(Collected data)
>>>

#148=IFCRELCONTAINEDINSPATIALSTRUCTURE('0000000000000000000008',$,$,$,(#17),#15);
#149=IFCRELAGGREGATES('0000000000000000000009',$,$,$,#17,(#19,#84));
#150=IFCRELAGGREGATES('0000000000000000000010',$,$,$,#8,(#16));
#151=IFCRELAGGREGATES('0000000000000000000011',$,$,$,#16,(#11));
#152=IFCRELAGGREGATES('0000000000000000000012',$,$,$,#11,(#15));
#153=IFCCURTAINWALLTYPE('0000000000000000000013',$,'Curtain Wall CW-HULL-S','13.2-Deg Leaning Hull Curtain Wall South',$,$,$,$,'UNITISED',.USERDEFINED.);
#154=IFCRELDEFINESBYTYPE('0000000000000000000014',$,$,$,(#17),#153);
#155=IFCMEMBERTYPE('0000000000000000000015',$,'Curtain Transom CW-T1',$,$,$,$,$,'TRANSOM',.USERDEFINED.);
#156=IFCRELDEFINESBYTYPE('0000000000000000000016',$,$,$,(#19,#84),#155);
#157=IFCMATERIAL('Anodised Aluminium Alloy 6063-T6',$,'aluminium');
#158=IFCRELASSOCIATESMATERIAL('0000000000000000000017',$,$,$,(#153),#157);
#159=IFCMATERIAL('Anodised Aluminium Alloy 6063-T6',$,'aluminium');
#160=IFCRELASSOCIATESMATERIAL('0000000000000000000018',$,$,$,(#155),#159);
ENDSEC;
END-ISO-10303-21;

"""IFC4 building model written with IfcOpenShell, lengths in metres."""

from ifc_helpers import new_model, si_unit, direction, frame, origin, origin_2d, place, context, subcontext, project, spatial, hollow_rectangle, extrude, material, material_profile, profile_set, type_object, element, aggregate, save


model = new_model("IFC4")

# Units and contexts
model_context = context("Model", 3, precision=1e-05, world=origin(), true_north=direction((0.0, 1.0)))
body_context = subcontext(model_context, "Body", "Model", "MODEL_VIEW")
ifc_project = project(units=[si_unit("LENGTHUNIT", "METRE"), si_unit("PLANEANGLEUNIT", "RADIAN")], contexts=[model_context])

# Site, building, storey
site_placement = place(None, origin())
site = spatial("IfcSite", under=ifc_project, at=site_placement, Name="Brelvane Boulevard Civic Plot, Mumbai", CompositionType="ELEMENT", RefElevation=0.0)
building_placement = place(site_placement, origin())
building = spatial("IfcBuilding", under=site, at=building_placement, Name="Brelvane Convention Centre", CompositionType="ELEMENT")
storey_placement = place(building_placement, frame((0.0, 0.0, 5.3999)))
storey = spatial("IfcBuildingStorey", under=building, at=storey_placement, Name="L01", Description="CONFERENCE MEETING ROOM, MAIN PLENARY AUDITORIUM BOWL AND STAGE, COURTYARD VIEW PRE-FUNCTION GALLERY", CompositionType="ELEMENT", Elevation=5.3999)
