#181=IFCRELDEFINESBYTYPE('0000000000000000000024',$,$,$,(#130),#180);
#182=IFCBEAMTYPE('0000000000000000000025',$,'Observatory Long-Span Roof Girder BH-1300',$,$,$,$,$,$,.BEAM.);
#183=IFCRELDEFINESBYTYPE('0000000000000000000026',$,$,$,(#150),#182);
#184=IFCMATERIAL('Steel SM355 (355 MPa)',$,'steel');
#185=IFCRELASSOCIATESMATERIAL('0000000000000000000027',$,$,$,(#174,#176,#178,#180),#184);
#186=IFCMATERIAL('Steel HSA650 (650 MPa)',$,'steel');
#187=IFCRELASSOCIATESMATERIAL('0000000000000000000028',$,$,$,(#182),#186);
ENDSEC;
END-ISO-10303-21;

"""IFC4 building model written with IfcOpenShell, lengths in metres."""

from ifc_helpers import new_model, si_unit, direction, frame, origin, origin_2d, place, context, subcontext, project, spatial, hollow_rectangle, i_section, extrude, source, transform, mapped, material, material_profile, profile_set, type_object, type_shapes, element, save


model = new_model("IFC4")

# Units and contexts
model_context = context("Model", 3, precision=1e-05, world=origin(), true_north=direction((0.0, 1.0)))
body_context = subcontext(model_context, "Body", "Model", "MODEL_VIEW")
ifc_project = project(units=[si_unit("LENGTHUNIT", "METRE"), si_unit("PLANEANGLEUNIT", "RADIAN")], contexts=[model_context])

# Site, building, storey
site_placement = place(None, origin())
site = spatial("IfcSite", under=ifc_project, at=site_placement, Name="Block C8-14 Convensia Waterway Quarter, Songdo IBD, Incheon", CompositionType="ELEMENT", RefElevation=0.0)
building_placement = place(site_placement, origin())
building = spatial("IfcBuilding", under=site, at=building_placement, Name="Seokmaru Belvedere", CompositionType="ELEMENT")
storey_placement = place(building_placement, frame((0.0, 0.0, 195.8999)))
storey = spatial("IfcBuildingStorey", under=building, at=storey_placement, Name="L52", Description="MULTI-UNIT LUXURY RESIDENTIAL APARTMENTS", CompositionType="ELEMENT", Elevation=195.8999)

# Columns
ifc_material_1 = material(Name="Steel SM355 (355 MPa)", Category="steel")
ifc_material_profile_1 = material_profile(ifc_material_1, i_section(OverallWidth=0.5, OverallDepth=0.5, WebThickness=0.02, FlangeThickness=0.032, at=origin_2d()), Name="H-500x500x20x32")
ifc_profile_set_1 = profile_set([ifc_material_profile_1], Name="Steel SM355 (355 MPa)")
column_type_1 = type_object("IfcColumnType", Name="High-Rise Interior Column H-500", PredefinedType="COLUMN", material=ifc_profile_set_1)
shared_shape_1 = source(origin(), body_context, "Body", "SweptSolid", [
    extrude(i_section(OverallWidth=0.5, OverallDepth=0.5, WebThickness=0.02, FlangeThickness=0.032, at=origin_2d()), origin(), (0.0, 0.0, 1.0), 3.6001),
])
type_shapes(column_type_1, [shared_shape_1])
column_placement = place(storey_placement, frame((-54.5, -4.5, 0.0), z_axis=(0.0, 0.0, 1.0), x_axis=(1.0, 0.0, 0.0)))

<<<
>>>

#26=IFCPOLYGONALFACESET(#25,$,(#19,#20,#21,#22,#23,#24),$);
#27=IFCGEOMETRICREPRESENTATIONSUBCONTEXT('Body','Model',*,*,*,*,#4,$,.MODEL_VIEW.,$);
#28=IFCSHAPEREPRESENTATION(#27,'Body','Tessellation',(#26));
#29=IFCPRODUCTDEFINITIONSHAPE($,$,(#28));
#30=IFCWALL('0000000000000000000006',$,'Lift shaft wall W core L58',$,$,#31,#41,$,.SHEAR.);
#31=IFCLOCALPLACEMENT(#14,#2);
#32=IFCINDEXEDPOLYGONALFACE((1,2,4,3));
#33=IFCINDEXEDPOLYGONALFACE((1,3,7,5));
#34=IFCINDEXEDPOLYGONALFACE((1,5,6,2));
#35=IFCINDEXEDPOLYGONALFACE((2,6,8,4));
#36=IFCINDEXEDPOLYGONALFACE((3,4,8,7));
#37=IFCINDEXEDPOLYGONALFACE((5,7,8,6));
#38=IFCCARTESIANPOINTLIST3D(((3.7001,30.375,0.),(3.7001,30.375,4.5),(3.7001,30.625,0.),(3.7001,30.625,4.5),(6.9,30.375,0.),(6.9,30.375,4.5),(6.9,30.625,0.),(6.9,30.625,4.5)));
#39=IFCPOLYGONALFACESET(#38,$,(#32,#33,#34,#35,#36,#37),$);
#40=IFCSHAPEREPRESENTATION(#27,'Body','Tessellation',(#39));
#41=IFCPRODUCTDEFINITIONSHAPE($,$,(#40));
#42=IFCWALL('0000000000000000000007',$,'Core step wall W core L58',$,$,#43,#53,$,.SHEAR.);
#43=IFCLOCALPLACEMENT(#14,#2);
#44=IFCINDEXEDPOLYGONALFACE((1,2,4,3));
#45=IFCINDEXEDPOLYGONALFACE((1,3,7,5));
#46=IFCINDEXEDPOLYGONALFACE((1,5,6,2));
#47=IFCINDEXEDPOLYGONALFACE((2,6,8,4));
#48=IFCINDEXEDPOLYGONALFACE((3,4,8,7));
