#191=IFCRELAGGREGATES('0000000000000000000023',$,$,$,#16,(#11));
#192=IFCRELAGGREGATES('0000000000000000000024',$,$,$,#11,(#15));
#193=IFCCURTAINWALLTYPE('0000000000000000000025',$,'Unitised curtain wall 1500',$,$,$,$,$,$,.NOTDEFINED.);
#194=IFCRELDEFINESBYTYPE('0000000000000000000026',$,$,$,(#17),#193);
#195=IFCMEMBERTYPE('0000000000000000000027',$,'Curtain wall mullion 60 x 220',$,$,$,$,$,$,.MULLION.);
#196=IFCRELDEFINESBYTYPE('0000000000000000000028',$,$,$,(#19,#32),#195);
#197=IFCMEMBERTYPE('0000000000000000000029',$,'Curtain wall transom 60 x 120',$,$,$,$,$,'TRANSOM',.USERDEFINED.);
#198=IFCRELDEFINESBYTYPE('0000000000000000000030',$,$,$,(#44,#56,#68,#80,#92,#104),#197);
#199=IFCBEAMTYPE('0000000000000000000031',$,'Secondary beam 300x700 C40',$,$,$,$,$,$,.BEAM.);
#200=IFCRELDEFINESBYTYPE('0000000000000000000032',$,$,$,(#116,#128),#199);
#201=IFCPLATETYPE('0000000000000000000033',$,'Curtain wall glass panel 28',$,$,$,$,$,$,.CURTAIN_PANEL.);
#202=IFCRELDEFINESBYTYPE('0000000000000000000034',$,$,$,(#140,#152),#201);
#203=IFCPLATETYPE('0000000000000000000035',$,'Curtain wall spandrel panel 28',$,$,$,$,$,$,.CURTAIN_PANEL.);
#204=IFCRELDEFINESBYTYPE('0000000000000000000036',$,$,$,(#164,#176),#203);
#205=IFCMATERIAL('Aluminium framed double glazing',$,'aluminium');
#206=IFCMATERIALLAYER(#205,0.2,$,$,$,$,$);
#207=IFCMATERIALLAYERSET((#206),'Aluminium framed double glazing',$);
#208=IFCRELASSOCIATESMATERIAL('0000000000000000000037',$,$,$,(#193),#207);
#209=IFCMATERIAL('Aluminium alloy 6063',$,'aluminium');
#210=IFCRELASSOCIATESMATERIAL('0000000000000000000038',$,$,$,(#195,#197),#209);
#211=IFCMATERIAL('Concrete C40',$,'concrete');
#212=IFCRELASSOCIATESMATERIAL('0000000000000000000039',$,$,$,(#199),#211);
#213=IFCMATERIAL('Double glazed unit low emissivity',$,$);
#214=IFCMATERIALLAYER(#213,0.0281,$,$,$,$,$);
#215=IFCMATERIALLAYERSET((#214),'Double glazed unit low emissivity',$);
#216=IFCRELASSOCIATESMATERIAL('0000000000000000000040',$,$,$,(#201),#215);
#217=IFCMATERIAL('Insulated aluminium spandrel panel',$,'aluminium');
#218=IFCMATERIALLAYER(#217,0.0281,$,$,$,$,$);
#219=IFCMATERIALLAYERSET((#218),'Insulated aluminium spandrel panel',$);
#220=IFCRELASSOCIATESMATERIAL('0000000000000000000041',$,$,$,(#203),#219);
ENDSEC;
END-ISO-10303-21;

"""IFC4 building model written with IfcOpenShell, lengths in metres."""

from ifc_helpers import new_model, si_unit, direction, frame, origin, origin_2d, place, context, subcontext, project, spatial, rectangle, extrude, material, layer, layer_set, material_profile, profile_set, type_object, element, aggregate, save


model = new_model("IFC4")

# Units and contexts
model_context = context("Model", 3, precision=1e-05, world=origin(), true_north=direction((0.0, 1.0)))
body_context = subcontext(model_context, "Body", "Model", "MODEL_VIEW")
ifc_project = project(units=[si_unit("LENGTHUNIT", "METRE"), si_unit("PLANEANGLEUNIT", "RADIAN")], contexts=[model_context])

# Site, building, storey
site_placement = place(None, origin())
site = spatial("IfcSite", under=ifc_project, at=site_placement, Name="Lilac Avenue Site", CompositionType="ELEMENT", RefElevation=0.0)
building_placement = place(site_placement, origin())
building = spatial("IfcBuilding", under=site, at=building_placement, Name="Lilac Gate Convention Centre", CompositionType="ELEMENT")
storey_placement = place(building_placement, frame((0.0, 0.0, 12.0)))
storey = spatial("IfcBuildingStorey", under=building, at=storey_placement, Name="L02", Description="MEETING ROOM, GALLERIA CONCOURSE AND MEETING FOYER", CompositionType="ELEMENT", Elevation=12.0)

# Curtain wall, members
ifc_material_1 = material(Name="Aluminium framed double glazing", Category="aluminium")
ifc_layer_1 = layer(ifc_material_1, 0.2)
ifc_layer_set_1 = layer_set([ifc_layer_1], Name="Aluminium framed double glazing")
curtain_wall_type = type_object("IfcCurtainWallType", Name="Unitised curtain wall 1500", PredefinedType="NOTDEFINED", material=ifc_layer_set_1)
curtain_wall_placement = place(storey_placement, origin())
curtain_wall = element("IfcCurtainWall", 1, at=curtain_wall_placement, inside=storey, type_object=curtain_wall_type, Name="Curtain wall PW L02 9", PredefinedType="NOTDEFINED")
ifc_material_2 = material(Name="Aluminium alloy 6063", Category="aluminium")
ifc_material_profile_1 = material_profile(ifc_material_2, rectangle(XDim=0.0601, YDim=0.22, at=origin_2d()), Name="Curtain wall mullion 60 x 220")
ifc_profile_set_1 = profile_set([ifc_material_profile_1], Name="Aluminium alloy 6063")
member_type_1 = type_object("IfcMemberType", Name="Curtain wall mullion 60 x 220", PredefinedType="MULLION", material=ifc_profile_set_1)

<<<

### REQUIRED WORK
Once you reach the line with "#31=IFCLOCALPLACEMENT(#14,#2);" in the data above, copy it and every line after it exactly, up to and including the line with "#37=IFCINDEXEDPOLYGONALFACE((5,7,8,6));".

### RESPONSE TO THIS EXERCISE
#31=IFCLOCALPLACEMENT(#14,#2);
#32=IFCINDEXEDPOLYGONALFACE((1,2,4,3));
#33=IFCINDEXEDPOLYGONALFACE((1,3,7,5));
#34=IFCINDEXEDPOLYGONALFACE((1,5,6,2));
#35=IFCINDEXEDPOLYGONALFACE((2,6,8,4));
#36=IFCINDEXEDPOLYGONALFACE((3,4,8,7));
#37=IFCINDEXEDPOLYGONALFACE((5,7,8,6));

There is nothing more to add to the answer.